» **DIRECTIONS FOR THIS TASK**
In the material below, find the line that contains "#146=IFCSHAPEREPRESENTATION(#81,'Body','Tessellation',(#145));" and the line that contains "END-ISO-10303-21;", then write out exactly those two lines and everything between them.
═══ DATA FOR PROCESSING ═══
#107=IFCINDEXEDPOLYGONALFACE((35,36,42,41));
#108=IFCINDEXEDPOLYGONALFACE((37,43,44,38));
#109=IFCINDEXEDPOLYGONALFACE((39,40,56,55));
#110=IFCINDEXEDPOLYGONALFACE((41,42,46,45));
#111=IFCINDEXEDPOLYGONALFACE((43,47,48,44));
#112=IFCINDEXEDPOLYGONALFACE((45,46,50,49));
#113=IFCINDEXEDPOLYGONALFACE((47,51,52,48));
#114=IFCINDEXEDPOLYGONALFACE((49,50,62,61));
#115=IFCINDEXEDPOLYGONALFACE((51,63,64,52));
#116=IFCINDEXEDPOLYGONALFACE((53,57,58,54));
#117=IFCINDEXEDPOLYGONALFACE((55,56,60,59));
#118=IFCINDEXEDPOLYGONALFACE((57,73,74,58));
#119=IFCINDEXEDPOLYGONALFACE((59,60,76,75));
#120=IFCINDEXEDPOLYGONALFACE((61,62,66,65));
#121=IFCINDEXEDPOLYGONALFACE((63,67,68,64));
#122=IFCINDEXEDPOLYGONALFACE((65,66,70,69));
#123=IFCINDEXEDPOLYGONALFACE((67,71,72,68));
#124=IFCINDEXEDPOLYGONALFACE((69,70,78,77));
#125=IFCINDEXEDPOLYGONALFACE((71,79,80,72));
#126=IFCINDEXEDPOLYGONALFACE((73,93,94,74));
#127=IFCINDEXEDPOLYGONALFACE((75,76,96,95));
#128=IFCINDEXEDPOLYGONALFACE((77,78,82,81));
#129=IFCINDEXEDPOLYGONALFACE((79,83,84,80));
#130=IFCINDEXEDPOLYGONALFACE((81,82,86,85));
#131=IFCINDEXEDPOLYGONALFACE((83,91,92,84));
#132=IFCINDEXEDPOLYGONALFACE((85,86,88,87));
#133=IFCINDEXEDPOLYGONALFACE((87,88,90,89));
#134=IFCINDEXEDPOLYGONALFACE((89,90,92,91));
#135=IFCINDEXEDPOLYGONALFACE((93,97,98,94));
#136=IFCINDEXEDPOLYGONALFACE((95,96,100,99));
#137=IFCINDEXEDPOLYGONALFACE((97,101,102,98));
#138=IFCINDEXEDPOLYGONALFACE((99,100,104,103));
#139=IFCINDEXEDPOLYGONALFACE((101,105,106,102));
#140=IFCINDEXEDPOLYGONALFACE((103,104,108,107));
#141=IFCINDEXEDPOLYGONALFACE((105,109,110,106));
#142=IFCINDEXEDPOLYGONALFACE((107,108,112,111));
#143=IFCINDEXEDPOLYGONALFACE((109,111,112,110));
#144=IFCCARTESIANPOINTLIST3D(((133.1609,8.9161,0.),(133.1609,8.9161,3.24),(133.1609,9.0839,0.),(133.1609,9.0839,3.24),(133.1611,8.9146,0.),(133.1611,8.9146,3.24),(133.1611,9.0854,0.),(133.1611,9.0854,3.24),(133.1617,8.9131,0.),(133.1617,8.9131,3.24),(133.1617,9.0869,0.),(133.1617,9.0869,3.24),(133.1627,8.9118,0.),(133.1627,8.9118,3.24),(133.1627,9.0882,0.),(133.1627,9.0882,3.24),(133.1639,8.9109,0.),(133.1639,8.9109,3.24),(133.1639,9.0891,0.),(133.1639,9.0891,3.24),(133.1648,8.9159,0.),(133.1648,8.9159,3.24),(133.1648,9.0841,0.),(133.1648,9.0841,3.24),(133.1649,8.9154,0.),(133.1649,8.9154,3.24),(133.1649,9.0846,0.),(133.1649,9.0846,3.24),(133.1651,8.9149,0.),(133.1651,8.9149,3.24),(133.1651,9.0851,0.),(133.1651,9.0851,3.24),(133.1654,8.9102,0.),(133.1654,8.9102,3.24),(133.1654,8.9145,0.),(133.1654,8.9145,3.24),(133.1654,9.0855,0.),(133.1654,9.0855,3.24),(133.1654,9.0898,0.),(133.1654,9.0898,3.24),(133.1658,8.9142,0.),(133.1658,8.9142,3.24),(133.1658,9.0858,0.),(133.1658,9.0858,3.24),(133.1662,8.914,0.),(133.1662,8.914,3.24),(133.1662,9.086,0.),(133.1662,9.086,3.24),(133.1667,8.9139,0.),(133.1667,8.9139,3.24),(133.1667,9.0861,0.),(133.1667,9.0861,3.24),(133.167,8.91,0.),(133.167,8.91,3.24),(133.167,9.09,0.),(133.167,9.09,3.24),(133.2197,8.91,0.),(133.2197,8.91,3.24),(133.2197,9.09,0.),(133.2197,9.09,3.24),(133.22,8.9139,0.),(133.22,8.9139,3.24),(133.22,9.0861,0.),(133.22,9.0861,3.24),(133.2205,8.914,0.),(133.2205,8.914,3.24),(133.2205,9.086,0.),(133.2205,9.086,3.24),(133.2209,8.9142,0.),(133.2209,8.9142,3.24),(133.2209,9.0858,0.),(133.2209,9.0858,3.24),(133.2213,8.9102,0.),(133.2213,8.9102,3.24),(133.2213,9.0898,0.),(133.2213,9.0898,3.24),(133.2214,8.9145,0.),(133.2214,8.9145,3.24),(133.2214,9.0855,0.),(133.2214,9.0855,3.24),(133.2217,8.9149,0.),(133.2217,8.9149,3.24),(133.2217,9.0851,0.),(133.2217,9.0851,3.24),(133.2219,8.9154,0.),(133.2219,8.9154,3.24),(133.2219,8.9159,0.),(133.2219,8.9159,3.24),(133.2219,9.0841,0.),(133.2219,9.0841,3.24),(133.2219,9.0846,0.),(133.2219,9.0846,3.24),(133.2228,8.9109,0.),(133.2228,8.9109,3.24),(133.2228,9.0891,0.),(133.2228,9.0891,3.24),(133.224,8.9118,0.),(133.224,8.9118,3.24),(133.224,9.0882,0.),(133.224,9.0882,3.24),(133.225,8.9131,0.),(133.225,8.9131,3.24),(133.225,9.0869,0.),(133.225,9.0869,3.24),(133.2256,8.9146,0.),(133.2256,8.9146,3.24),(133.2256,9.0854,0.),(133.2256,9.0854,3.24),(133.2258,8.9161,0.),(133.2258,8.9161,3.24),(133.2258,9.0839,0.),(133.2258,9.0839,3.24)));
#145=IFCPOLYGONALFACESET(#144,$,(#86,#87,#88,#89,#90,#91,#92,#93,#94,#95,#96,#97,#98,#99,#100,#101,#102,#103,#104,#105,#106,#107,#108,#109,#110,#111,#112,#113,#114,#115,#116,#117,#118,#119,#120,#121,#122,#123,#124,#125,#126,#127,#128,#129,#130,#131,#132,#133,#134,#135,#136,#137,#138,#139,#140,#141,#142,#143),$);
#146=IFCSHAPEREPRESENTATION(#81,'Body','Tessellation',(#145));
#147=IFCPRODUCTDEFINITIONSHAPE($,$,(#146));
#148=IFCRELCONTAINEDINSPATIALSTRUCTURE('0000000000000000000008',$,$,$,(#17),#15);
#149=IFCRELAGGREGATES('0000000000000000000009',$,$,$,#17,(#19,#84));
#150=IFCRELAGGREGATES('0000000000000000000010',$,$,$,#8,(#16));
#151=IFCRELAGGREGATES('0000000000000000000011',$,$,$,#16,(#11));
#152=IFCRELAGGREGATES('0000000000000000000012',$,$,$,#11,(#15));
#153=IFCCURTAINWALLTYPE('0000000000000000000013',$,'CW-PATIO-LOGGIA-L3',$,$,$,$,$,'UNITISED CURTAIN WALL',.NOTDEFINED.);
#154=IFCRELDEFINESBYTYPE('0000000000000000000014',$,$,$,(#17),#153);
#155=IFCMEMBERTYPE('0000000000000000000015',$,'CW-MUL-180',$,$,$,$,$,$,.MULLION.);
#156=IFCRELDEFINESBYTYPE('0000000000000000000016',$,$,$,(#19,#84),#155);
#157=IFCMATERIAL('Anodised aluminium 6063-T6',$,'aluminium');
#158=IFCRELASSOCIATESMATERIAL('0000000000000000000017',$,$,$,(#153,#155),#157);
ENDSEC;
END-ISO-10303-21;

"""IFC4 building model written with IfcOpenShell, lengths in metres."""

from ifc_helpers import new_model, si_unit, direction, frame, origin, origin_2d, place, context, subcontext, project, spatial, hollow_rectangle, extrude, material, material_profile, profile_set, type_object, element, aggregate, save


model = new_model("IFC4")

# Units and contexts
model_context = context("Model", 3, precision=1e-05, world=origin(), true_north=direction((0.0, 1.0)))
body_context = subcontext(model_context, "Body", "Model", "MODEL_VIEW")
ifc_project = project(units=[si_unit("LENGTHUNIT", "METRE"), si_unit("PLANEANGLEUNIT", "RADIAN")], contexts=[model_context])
═══
» **ANSWER BELOW**
#146=IFCSHAPEREPRESENTATION(#81,'Body','Tessellation',(#145));
#147=IFCPRODUCTDEFINITIONSHAPE($,$,(#146));
#148=IFCRELCONTAINEDINSPATIALSTRUCTURE('0000000000000000000008',$,$,$,(#17),#15);
#149=IFCRELAGGREGATES('0000000000000000000009',$,$,$,#17,(#19,#84));
#150=IFCRELAGGREGATES('0000000000000000000010',$,$,$,#8,(#16));
#151=IFCRELAGGREGATES('0000000000000000000011',$,$,$,#16,(#11));
#152=IFCRELAGGREGATES('0000000000000000000012',$,$,$,#11,(#15));
#153=IFCCURTAINWALLTYPE('0000000000000000000013',$,'CW-PATIO-LOGGIA-L3',$,$,$,$,$,'UNITISED CURTAIN WALL',.NOTDEFINED.);
#154=IFCRELDEFINESBYTYPE('0000000000000000000014',$,$,$,(#17),#153);
#155=IFCMEMBERTYPE('0000000000000000000015',$,'CW-MUL-180',$,$,$,$,$,$,.MULLION.);
#156=IFCRELDEFINESBYTYPE('0000000000000000000016',$,$,$,(#19,#84),#155);
#157=IFCMATERIAL('Anodised aluminium 6063-T6',$,'aluminium');
#158=IFCRELASSOCIATESMATERIAL('0000000000000000000017',$,$,$,(#153,#155),#157);
ENDSEC;
END-ISO-10303-21;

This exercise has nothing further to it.